## Description of the task
Please set down exactly the lines of the listing below from the line containing "#58=IFCPOLYGONALFACESET(#57,$,(#51,#52,#53,#54,#55,#56),$);" through the line containing "#61=IFCPRODUCTDEFINITIONSHAPE($,$,(#60));", both lines included, leaving out all other lines.

══ Working data ══

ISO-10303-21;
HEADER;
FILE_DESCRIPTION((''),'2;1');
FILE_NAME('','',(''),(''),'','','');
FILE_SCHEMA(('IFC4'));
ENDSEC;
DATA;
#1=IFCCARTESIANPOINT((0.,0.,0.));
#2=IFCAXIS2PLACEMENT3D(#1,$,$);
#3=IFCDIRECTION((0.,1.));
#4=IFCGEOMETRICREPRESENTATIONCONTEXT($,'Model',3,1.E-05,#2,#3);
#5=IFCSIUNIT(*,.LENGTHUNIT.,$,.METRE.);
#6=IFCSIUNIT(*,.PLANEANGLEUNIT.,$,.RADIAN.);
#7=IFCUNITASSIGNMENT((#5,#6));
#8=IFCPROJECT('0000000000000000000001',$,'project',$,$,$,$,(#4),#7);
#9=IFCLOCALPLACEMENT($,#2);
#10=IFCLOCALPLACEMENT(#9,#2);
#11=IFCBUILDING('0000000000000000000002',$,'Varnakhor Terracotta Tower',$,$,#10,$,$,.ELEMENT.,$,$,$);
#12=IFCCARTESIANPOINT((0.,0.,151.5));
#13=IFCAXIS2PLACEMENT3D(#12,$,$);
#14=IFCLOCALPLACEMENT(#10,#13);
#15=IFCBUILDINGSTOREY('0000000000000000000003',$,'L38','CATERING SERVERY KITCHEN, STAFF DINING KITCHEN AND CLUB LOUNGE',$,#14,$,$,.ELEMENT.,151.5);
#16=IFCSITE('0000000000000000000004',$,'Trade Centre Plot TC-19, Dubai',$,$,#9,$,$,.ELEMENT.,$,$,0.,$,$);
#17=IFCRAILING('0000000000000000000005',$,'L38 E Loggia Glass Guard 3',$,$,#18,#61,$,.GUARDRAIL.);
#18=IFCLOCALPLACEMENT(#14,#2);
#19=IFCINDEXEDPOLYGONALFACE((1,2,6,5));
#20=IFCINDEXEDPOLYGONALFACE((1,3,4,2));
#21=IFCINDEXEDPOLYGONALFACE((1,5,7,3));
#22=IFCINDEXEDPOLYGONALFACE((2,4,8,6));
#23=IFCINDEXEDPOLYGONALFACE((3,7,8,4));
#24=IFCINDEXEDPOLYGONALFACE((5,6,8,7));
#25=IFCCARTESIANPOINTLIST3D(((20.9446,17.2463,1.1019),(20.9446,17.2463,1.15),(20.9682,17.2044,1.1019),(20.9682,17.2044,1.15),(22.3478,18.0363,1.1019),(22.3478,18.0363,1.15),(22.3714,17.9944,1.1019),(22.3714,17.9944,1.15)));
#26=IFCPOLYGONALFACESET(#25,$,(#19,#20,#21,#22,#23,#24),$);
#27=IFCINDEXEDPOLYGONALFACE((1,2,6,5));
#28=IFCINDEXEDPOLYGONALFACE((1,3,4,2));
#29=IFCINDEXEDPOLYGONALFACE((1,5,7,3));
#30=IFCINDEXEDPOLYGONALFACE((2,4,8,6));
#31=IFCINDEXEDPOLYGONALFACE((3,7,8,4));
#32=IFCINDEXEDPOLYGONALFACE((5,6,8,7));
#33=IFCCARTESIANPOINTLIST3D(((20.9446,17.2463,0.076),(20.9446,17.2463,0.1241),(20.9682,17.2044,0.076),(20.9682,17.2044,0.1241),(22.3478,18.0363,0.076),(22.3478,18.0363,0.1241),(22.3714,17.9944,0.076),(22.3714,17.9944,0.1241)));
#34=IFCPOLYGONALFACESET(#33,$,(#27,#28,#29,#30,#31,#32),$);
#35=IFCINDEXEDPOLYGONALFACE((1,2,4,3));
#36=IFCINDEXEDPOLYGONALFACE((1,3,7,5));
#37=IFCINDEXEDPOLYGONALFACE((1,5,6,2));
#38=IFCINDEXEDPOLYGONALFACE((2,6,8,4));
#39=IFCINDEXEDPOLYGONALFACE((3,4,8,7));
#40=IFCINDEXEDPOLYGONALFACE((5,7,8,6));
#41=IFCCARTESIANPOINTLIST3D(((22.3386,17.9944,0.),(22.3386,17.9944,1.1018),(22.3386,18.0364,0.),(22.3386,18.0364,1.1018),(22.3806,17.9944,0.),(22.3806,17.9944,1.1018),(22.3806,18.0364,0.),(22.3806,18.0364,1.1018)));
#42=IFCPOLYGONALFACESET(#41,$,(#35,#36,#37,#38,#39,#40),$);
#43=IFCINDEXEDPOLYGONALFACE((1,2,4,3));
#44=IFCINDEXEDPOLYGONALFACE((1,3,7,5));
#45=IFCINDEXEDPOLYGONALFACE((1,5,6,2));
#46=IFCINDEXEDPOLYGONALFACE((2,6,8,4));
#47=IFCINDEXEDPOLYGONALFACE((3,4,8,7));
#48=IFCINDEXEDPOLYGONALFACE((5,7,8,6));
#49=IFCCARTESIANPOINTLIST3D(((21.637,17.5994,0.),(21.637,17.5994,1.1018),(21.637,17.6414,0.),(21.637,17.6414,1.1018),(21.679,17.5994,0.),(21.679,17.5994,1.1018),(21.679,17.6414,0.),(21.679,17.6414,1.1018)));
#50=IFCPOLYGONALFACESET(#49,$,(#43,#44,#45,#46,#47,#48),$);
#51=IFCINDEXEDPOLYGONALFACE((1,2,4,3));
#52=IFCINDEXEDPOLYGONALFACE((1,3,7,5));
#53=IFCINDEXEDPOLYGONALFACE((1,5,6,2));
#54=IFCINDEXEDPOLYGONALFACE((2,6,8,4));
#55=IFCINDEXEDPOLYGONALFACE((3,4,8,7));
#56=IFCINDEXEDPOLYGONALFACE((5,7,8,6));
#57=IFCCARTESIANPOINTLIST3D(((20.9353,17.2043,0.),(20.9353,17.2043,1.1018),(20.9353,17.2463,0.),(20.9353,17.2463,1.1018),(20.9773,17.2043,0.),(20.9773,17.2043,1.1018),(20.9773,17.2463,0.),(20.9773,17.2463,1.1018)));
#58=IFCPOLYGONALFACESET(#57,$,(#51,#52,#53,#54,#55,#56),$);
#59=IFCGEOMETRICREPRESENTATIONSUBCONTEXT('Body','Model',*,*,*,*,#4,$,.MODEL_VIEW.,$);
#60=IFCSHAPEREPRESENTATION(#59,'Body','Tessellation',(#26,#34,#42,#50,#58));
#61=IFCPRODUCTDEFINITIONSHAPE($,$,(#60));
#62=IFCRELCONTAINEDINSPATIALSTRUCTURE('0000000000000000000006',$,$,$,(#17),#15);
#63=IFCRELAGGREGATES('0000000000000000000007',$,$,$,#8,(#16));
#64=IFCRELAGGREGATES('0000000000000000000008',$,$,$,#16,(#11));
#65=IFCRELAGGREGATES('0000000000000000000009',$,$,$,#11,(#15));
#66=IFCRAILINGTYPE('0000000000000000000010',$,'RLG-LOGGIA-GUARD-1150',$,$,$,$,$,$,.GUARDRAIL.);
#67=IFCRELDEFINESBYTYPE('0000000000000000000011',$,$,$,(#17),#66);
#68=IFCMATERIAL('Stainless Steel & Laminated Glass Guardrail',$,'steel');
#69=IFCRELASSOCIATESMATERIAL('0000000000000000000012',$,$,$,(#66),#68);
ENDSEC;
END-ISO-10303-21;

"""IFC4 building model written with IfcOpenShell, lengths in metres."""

from ifc_helpers import new_model, si_unit, direction, frame, origin, origin_2d, place, context, subcontext, project, spatial, rectangle, extrude, material, type_object, element, save


model = new_model("IFC4")

# Units and contexts
model_context = context("Model", 3, precision=1e-05, world=origin(), true_north=direction((0.0, 1.0)))
body_context = subcontext(model_context, "Body", "Model", "MODEL_VIEW")
ifc_project = project(units=[si_unit("LENGTHUNIT", "METRE"), si_unit("PLANEANGLEUNIT", "RADIAN")], contexts=[model_context])

# Site, building, storey
site_placement = place(None, origin())
site = spatial("IfcSite", under=ifc_project, at=site_placement, Name="Trade Centre Plot TC-19, Dubai", CompositionType="ELEMENT", RefElevation=0.0)
building_placement = place(site_placement, origin())
building = spatial("IfcBuilding", under=site, at=building_placement, Name="Varnakhor Terracotta Tower", CompositionType="ELEMENT")
storey_placement = place(building_placement, frame((0.0, 0.0, 151.5)))
storey = spatial("IfcBuildingStorey", under=building, at=storey_placement, Name="L38", Description="CATERING SERVERY KITCHEN, STAFF DINING KITCHEN AND CLUB LOUNGE", CompositionType="ELEMENT", Elevation=151.5)

# Railing
ifc_material_1 = material(Name="Stainless Steel & Laminated Glass Guardrail", Category="steel")
railing_type = type_object("IfcRailingType", Name="RLG-LOGGIA-GUARD-1150", PredefinedType="GUARDRAIL", material=ifc_material_1)
railing_placement = place(storey_placement, frame((22.3596, 18.0154, 0.0)))
element("IfcRailing", 1, at=railing_placement, inside=storey, type_object=railing_type, Name="L38 E Loggia Glass Guard 3", PredefinedType="GUARDRAIL", context=body_context, shape_type="SweptSolid", body=[
    extrude(rectangle(XDim=0.0481, YDim=0.0481, at=origin_2d()), frame((0.0, 0.0, 1.126), z_axis=(-0.871397, -0.490578, 0.0), x_axis=(0.490578, -0.871397, 0.0)), (0.0, 0.0, 1.0), 1.6104),
    extrude(rectangle(XDim=0.0481, YDim=0.0481, at=origin_2d()), frame((0.0, 0.0, 0.1001), z_axis=(-0.871397, -0.490578, 0.0), x_axis=(0.490578, -0.871397, 0.0)), (0.0, 0.0, 1.0), 1.6104),
    extrude(rectangle(XDim=0.042, YDim=0.042, at=origin_2d()), origin(), (0.0, 0.0, 1.0), 1.1018),
    extrude(rectangle(XDim=0.042, YDim=0.042, at=origin_2d()), frame((-0.7017, -0.395, 0.0)), (0.0, 0.0, 1.0), 1.1018),
    extrude(rectangle(XDim=0.042, YDim=0.042, at=origin_2d()), frame((-1.4033, -0.79, 0.0)), (0.0, 0.0, 1.0), 1.1018),
])

save(model, "model.ifc")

═══

## Response to the task
#58=IFCPOLYGONALFACESET(#57,$,(#51,#52,#53,#54,#55,#56),$);
#59=IFCGEOMETRICREPRESENTATIONSUBCONTEXT('Body','Model',*,*,*,*,#4,$,.MODEL_VIEW.,$);
#60=IFCSHAPEREPRESENTATION(#59,'Body','Tessellation',(#26,#34,#42,#50,#58));
#61=IFCPRODUCTDEFINITIONSHAPE($,$,(#60));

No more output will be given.